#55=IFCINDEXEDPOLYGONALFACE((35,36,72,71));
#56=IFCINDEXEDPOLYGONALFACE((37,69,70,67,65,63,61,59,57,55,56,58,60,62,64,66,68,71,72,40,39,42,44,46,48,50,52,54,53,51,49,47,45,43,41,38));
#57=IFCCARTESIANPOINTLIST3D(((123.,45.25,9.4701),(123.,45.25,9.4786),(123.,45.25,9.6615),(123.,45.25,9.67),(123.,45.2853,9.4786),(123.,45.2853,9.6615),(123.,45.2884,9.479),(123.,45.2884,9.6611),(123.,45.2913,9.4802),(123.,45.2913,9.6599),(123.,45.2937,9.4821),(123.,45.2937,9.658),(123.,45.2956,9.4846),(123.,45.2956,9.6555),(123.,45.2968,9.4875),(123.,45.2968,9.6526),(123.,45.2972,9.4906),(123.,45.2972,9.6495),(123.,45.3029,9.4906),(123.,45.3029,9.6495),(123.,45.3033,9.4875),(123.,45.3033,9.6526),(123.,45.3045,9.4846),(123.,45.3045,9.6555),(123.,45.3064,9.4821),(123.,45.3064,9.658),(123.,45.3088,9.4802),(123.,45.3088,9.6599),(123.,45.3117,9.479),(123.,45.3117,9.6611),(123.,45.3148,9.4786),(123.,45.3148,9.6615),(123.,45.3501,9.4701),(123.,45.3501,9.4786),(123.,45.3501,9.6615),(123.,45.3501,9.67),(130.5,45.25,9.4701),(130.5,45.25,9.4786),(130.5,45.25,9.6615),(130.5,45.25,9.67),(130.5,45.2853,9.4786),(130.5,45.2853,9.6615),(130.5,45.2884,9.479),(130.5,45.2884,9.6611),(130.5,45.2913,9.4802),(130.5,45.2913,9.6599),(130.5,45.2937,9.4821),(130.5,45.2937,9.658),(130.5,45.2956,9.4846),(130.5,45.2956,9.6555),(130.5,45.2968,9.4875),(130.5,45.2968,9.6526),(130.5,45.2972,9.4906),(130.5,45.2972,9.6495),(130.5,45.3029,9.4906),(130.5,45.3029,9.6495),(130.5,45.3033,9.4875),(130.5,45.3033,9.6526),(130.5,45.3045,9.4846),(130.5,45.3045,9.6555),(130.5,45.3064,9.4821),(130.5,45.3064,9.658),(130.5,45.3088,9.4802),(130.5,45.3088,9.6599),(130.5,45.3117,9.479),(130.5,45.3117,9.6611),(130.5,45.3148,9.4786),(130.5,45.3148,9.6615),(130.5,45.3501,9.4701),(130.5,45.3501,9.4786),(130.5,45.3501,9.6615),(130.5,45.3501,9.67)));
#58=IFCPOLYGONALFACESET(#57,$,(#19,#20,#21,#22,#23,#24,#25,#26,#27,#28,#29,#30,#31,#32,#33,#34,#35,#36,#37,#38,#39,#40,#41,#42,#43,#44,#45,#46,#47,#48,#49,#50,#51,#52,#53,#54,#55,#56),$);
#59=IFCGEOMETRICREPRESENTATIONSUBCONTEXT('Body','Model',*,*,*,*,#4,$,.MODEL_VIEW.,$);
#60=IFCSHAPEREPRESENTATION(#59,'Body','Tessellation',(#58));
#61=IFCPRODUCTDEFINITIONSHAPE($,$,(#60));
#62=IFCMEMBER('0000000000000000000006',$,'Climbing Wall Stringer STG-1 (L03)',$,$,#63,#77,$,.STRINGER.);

┄┄┄┄┄┄┄┄┄┄

Scan the records above, count the lines with "Body" in them, and give only the number.

■ **SOLVED PROBLEM**
2